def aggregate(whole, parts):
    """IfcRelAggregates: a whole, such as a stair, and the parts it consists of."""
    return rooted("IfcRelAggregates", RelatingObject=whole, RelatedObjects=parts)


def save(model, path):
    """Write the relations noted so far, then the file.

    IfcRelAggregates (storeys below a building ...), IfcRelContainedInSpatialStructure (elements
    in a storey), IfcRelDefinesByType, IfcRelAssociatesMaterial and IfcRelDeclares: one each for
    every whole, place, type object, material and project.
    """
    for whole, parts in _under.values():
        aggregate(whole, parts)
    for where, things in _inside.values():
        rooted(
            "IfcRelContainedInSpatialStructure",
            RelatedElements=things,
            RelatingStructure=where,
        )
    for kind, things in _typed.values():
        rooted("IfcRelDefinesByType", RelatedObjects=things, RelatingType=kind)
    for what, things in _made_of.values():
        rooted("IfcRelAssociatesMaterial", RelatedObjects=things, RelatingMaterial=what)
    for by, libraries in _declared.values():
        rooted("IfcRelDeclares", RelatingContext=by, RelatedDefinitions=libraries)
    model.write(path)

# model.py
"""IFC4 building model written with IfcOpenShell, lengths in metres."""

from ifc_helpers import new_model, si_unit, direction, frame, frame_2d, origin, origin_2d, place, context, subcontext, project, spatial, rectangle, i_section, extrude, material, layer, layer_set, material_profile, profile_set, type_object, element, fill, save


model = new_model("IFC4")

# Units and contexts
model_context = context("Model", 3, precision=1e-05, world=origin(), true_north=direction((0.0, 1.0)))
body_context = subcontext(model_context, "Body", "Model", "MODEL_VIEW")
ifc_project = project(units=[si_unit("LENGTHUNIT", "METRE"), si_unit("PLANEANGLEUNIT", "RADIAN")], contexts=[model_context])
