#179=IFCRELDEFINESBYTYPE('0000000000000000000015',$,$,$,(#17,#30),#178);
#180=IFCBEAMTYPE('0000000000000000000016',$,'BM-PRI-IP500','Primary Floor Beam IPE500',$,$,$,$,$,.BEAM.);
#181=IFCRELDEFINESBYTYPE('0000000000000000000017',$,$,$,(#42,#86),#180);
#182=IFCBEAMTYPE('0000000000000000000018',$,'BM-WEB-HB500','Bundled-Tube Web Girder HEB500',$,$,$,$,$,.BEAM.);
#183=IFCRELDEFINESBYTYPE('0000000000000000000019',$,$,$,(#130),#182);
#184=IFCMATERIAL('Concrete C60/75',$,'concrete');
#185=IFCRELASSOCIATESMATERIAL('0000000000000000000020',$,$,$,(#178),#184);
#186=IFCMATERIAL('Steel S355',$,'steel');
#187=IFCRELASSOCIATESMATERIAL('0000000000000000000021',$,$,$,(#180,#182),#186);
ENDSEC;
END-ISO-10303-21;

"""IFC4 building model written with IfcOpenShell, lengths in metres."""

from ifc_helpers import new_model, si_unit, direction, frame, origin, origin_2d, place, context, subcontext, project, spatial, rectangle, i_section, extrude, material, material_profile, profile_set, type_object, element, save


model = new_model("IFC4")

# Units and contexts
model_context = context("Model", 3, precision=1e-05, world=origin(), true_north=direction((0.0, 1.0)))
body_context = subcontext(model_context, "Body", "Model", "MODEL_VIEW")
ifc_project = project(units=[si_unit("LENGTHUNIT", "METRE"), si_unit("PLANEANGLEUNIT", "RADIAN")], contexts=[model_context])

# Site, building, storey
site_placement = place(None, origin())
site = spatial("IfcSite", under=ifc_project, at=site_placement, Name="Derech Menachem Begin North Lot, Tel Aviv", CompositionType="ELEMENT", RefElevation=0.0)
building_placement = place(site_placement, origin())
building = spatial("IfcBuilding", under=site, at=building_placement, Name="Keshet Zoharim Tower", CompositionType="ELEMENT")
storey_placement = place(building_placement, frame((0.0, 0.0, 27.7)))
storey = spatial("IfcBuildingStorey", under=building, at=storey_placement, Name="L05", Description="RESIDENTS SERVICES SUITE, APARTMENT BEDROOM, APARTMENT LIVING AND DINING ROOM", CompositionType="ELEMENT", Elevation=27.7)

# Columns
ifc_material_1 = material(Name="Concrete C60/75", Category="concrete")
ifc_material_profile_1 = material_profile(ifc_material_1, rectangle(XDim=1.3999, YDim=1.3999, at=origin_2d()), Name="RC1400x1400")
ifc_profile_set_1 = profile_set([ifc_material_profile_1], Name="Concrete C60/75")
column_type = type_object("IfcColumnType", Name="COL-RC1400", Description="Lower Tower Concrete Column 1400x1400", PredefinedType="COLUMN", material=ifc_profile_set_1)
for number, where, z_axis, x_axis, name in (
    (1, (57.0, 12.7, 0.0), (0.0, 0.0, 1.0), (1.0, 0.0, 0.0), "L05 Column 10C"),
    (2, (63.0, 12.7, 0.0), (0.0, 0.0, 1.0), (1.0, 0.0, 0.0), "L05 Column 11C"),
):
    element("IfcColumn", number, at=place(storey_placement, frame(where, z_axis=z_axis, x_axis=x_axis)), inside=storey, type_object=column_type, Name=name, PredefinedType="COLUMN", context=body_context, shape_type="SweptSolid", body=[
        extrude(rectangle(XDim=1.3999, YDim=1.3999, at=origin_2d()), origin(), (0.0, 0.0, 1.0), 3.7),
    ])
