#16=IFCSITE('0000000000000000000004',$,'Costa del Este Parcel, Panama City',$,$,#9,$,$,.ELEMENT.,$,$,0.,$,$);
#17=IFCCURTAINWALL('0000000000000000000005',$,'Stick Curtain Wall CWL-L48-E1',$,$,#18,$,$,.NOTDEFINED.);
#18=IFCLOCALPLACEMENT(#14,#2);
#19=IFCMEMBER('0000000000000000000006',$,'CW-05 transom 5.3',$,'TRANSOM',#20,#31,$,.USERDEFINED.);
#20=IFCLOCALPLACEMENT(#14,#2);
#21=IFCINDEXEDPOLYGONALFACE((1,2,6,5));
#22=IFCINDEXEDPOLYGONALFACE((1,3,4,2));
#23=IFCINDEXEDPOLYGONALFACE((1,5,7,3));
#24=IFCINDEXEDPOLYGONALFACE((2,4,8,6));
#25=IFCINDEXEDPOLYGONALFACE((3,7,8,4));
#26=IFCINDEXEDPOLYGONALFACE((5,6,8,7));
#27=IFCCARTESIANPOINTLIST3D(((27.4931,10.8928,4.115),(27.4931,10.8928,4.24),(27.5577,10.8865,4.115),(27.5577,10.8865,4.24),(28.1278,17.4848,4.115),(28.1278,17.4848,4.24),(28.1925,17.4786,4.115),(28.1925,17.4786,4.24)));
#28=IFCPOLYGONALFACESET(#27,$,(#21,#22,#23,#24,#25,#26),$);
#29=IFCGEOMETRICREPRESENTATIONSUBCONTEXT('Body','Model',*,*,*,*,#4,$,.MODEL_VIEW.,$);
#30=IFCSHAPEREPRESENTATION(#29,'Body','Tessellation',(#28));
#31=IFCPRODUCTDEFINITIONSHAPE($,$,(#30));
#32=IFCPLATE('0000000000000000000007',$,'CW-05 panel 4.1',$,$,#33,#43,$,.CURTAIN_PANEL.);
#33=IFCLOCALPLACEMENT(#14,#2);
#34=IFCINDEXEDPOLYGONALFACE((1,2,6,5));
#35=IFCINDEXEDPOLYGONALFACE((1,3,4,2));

════════

### Task to carry out
Reproduce the entries so that each line reads exactly as it did before.

### Task response
def aggregate(whole, parts):
    """IfcRelAggregates: a whole, such as a stair, and the parts it consists of."""
    return rooted("IfcRelAggregates", RelatingObject=whole, RelatedObjects=parts)


def save(model, path):
    """Write the relations noted so far, then the file.

    IfcRelAggregates (storeys below a building ...), IfcRelContainedInSpatialStructure (elements
    in a storey), IfcRelDefinesByType, IfcRelAssociatesMaterial and IfcRelDeclares: one each for
    every whole, place, type object, material and project.
    """
    for whole, parts in _under.values():
        aggregate(whole, parts)
    for where, things in _inside.values():
        rooted(
            "IfcRelContainedInSpatialStructure",
            RelatedElements=things,
            RelatingStructure=where,
        )
    for kind, things in _typed.values():
        rooted("IfcRelDefinesByType", RelatedObjects=things, RelatingType=kind)
    for what, things in _made_of.values():
        rooted("IfcRelAssociatesMaterial", RelatedObjects=things, RelatingMaterial=what)
    for by, libraries in _declared.values():
        rooted("IfcRelDeclares", RelatingContext=by, RelatedDefinitions=libraries)
    model.write(path)

# model.py
"""IFC4 building model written with IfcOpenShell, lengths in metres."""

from ifc_helpers import new_model, si_unit, direction, frame, frame_2d, origin, origin_2d, place, context, subcontext, project, spatial, rectangle, i_section, extrude, material, layer, layer_set, material_profile, profile_set, type_object, element, fill, save


model = new_model("IFC4")

# Units and contexts
model_context = context("Model", 3, precision=1e-05, world=origin(), true_north=direction((0.0, 1.0)))
body_context = subcontext(model_context, "Body", "Model", "MODEL_VIEW")
ifc_project = project(units=[si_unit("LENGTHUNIT", "METRE"), si_unit("PLANEANGLEUNIT", "RADIAN")], contexts=[model_context])
#179=IFCRELDEFINESBYTYPE('0000000000000000000015',$,$,$,(#17,#30),#178);
#180=IFCBEAMTYPE('0000000000000000000016',$,'BM-PRI-IP500','Primary Floor Beam IPE500',$,$,$,$,$,.BEAM.);
#181=IFCRELDEFINESBYTYPE('0000000000000000000017',$,$,$,(#42,#86),#180);
#182=IFCBEAMTYPE('0000000000000000000018',$,'BM-WEB-HB500','Bundled-Tube Web Girder HEB500',$,$,$,$,$,.BEAM.);
#183=IFCRELDEFINESBYTYPE('0000000000000000000019',$,$,$,(#130),#182);
#184=IFCMATERIAL('Concrete C60/75',$,'concrete');
#185=IFCRELASSOCIATESMATERIAL('0000000000000000000020',$,$,$,(#178),#184);
#186=IFCMATERIAL('Steel S355',$,'steel');
#187=IFCRELASSOCIATESMATERIAL('0000000000000000000021',$,$,$,(#180,#182),#186);
ENDSEC;
END-ISO-10303-21;

"""IFC4 building model written with IfcOpenShell, lengths in metres."""

from ifc_helpers import new_model, si_unit, direction, frame, origin, origin_2d, place, context, subcontext, project, spatial, rectangle, i_section, extrude, material, material_profile, profile_set, type_object, element, save


model = new_model("IFC4")

# Units and contexts
model_context = context("Model", 3, precision=1e-05, world=origin(), true_north=direction((0.0, 1.0)))
body_context = subcontext(model_context, "Body", "Model", "MODEL_VIEW")
ifc_project = project(units=[si_unit("LENGTHUNIT", "METRE"), si_unit("PLANEANGLEUNIT", "RADIAN")], contexts=[model_context])

# Site, building, storey
site_placement = place(None, origin())
site = spatial("IfcSite", under=ifc_project, at=site_placement, Name="Derech Menachem Begin North Lot, Tel Aviv", CompositionType="ELEMENT", RefElevation=0.0)
building_placement = place(site_placement, origin())
building = spatial("IfcBuilding", under=site, at=building_placement, Name="Keshet Zoharim Tower", CompositionType="ELEMENT")
storey_placement = place(building_placement, frame((0.0, 0.0, 27.7)))
storey = spatial("IfcBuildingStorey", under=building, at=storey_placement, Name="L05", Description="RESIDENTS SERVICES SUITE, APARTMENT BEDROOM, APARTMENT LIVING AND DINING ROOM", CompositionType="ELEMENT", Elevation=27.7)

# Columns
ifc_material_1 = material(Name="Concrete C60/75", Category="concrete")
ifc_material_profile_1 = material_profile(ifc_material_1, rectangle(XDim=1.3999, YDim=1.3999, at=origin_2d()), Name="RC1400x1400")
ifc_profile_set_1 = profile_set([ifc_material_profile_1], Name="Concrete C60/75")
column_type = type_object("IfcColumnType", Name="COL-RC1400", Description="Lower Tower Concrete Column 1400x1400", PredefinedType="COLUMN", material=ifc_profile_set_1)
for number, where, z_axis, x_axis, name in (
    (1, (57.0, 12.7, 0.0), (0.0, 0.0, 1.0), (1.0, 0.0, 0.0), "L05 Column 10C"),
    (2, (63.0, 12.7, 0.0), (0.0, 0.0, 1.0), (1.0, 0.0, 0.0), "L05 Column 11C"),
):
    element("IfcColumn", number, at=place(storey_placement, frame(where, z_axis=z_axis, x_axis=x_axis)), inside=storey, type_object=column_type, Name=name, PredefinedType="COLUMN", context=body_context, shape_type="SweptSolid", body=[
        extrude(rectangle(XDim=1.3999, YDim=1.3999, at=origin_2d()), origin(), (0.0, 0.0, 1.0), 3.7),
    ])
#16=IFCSITE('0000000000000000000004',$,'Costa del Este Parcel, Panama City',$,$,#9,$,$,.ELEMENT.,$,$,0.,$,$);
#17=IFCCURTAINWALL('0000000000000000000005',$,'Stick Curtain Wall CWL-L48-E1',$,$,#18,$,$,.NOTDEFINED.);
#18=IFCLOCALPLACEMENT(#14,#2);
#19=IFCMEMBER('0000000000000000000006',$,'CW-05 transom 5.3',$,'TRANSOM',#20,#31,$,.USERDEFINED.);
#20=IFCLOCALPLACEMENT(#14,#2);
#21=IFCINDEXEDPOLYGONALFACE((1,2,6,5));
#22=IFCINDEXEDPOLYGONALFACE((1,3,4,2));
#23=IFCINDEXEDPOLYGONALFACE((1,5,7,3));
#24=IFCINDEXEDPOLYGONALFACE((2,4,8,6));
#25=IFCINDEXEDPOLYGONALFACE((3,7,8,4));
#26=IFCINDEXEDPOLYGONALFACE((5,6,8,7));
#27=IFCCARTESIANPOINTLIST3D(((27.4931,10.8928,4.115),(27.4931,10.8928,4.24),(27.5577,10.8865,4.115),(27.5577,10.8865,4.24),(28.1278,17.4848,4.115),(28.1278,17.4848,4.24),(28.1925,17.4786,4.115),(28.1925,17.4786,4.24)));
#28=IFCPOLYGONALFACESET(#27,$,(#21,#22,#23,#24,#25,#26),$);
#29=IFCGEOMETRICREPRESENTATIONSUBCONTEXT('Body','Model',*,*,*,*,#4,$,.MODEL_VIEW.,$);
#30=IFCSHAPEREPRESENTATION(#29,'Body','Tessellation',(#28));
#31=IFCPRODUCTDEFINITIONSHAPE($,$,(#30));
#32=IFCPLATE('0000000000000000000007',$,'CW-05 panel 4.1',$,$,#33,#43,$,.CURTAIN_PANEL.);
#33=IFCLOCALPLACEMENT(#14,#2);
#34=IFCINDEXEDPOLYGONALFACE((1,2,6,5));
#35=IFCINDEXEDPOLYGONALFACE((1,3,4,2));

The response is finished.